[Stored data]
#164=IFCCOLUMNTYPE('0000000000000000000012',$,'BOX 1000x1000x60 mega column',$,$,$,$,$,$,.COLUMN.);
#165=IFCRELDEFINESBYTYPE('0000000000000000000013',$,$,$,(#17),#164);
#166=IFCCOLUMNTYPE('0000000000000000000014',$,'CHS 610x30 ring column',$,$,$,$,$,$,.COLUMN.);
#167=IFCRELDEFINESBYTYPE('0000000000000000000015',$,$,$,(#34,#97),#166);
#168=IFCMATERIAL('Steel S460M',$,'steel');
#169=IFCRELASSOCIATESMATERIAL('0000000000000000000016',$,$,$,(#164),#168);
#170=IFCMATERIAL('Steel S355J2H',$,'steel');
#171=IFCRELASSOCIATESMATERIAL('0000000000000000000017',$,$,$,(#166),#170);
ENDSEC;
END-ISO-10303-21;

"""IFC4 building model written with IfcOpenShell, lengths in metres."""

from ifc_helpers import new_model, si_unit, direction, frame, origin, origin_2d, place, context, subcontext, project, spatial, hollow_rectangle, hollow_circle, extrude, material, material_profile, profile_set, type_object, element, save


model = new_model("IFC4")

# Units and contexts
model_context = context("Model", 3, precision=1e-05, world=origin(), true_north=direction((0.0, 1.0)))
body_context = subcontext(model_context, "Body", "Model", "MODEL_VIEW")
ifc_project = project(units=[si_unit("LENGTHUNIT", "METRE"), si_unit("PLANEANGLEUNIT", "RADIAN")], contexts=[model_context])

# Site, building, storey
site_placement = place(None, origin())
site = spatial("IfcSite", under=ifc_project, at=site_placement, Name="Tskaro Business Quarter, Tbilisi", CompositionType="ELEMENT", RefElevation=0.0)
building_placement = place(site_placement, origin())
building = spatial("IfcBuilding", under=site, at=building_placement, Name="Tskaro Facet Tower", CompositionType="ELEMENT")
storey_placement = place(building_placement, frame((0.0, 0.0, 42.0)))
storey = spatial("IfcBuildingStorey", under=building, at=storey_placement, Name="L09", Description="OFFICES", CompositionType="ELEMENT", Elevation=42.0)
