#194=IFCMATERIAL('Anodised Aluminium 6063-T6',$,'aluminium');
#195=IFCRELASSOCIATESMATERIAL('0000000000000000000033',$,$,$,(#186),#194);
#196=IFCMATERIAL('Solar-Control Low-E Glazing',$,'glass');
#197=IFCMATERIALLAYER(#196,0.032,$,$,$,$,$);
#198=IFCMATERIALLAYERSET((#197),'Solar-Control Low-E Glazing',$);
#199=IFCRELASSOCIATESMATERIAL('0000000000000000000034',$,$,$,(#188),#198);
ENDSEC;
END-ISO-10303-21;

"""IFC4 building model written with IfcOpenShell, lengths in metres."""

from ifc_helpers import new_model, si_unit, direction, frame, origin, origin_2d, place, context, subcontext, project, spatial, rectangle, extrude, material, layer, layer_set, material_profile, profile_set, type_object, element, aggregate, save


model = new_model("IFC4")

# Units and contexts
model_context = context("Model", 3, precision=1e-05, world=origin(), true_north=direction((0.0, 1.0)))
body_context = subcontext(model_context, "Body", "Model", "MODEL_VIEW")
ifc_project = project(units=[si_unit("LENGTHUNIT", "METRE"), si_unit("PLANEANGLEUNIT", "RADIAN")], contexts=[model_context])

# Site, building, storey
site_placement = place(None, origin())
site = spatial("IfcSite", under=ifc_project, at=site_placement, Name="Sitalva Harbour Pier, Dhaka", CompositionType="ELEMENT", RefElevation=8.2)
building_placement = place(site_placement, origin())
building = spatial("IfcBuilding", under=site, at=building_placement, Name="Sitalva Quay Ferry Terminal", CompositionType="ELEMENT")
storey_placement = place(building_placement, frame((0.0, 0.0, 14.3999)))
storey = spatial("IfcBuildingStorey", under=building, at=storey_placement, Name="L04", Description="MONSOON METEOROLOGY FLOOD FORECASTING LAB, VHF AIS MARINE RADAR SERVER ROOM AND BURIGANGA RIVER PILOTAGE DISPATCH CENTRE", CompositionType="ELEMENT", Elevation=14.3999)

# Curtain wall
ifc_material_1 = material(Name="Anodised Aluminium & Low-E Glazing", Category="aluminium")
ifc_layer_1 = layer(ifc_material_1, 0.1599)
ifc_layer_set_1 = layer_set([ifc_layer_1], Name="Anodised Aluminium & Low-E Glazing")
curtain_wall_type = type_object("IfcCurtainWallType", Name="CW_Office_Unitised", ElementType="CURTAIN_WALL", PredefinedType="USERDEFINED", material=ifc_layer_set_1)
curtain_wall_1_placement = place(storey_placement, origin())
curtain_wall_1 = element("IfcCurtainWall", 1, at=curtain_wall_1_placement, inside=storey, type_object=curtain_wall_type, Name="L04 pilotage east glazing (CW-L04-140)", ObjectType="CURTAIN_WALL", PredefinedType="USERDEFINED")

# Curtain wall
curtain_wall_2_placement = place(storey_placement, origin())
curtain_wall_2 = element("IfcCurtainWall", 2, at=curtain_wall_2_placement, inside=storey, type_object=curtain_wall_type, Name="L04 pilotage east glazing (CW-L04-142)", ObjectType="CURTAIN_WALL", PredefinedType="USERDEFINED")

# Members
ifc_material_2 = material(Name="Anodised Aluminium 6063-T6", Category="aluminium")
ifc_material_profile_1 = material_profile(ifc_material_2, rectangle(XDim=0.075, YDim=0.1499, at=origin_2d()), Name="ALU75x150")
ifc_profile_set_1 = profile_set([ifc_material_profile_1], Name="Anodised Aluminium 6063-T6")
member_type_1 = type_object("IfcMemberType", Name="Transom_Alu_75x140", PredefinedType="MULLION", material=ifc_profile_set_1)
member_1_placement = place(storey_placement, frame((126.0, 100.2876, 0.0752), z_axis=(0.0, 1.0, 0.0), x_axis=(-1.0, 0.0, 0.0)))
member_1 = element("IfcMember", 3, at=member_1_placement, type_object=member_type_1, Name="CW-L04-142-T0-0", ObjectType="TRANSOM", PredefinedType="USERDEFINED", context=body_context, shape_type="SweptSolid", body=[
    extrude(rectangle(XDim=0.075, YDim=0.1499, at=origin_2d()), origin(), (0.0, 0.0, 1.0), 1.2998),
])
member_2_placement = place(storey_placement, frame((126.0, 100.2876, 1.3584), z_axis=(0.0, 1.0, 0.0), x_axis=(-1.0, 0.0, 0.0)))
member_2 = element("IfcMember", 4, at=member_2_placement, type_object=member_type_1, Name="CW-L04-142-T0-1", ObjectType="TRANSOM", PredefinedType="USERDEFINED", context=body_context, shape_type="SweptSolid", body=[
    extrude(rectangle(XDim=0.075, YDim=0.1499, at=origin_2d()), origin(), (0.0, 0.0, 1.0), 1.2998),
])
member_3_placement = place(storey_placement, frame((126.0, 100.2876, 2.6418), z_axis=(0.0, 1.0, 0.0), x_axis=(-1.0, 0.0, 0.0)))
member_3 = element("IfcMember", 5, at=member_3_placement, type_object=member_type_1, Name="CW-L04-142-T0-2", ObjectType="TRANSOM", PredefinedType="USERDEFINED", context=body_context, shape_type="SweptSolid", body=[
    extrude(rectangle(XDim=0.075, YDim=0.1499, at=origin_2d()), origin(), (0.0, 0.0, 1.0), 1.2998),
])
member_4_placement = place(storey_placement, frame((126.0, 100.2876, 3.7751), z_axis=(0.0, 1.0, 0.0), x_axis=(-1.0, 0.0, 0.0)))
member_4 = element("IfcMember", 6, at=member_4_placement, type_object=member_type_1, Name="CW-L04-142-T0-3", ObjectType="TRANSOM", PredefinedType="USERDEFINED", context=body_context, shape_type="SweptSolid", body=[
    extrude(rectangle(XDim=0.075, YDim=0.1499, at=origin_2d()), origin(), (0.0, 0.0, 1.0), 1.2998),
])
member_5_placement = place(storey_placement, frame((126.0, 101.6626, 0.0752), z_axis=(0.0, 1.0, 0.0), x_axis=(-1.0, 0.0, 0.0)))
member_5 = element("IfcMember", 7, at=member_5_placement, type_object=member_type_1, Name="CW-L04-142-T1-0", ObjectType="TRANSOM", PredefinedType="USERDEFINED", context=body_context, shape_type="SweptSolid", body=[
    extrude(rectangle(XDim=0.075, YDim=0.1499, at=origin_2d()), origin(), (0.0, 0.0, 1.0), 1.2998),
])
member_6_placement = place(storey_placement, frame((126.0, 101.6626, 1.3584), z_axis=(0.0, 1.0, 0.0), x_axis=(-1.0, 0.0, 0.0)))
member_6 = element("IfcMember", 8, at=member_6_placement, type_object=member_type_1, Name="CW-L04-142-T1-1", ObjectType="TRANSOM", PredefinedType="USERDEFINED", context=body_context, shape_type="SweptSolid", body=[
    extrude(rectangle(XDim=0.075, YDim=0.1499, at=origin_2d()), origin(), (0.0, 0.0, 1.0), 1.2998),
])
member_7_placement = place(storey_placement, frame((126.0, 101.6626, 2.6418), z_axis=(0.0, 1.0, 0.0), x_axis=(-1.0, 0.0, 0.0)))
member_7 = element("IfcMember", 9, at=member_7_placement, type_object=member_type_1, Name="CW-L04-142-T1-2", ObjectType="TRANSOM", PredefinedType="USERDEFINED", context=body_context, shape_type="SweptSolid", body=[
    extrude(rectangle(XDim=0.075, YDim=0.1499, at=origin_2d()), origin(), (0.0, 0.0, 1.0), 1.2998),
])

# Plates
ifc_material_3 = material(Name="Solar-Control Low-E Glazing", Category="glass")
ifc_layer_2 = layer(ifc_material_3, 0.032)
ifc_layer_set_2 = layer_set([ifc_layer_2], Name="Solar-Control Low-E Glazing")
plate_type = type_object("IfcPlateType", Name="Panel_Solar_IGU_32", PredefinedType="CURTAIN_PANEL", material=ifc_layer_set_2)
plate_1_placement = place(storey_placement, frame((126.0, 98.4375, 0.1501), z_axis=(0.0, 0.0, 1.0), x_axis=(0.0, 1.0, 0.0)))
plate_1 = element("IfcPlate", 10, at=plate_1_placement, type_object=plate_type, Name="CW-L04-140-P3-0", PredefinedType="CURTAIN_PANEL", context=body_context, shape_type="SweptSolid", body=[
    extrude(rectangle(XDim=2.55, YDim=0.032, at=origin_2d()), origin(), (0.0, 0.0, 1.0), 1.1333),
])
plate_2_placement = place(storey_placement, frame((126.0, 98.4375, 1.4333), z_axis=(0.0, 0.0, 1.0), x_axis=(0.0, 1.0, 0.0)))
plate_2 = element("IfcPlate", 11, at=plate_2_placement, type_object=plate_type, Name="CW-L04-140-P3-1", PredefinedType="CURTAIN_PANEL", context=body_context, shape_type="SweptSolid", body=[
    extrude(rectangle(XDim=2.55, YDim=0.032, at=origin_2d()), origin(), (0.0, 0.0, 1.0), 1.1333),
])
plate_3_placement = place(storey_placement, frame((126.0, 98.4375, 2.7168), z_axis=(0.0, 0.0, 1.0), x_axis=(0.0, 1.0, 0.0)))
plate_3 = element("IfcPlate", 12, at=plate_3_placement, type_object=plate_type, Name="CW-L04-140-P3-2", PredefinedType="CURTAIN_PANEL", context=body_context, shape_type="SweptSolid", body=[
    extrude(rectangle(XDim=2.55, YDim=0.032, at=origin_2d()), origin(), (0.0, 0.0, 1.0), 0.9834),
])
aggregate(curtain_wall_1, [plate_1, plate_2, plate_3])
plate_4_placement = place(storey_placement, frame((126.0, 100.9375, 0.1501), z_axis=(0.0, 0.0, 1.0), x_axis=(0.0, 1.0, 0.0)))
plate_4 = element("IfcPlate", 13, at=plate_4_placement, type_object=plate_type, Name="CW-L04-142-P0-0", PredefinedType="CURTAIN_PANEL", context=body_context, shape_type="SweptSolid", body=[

• _Work to be completed_: Your task is to collect every line above that contains the word "aggregate".

• _Solution_:
from ifc_helpers import new_model, si_unit, direction, frame, origin, origin_2d, place, context, subcontext, project, spatial, rectangle, extrude, material, layer, layer_set, material_profile, profile_set, type_object, element, aggregate, save
aggregate(curtain_wall_1, [plate_1, plate_2, plate_3])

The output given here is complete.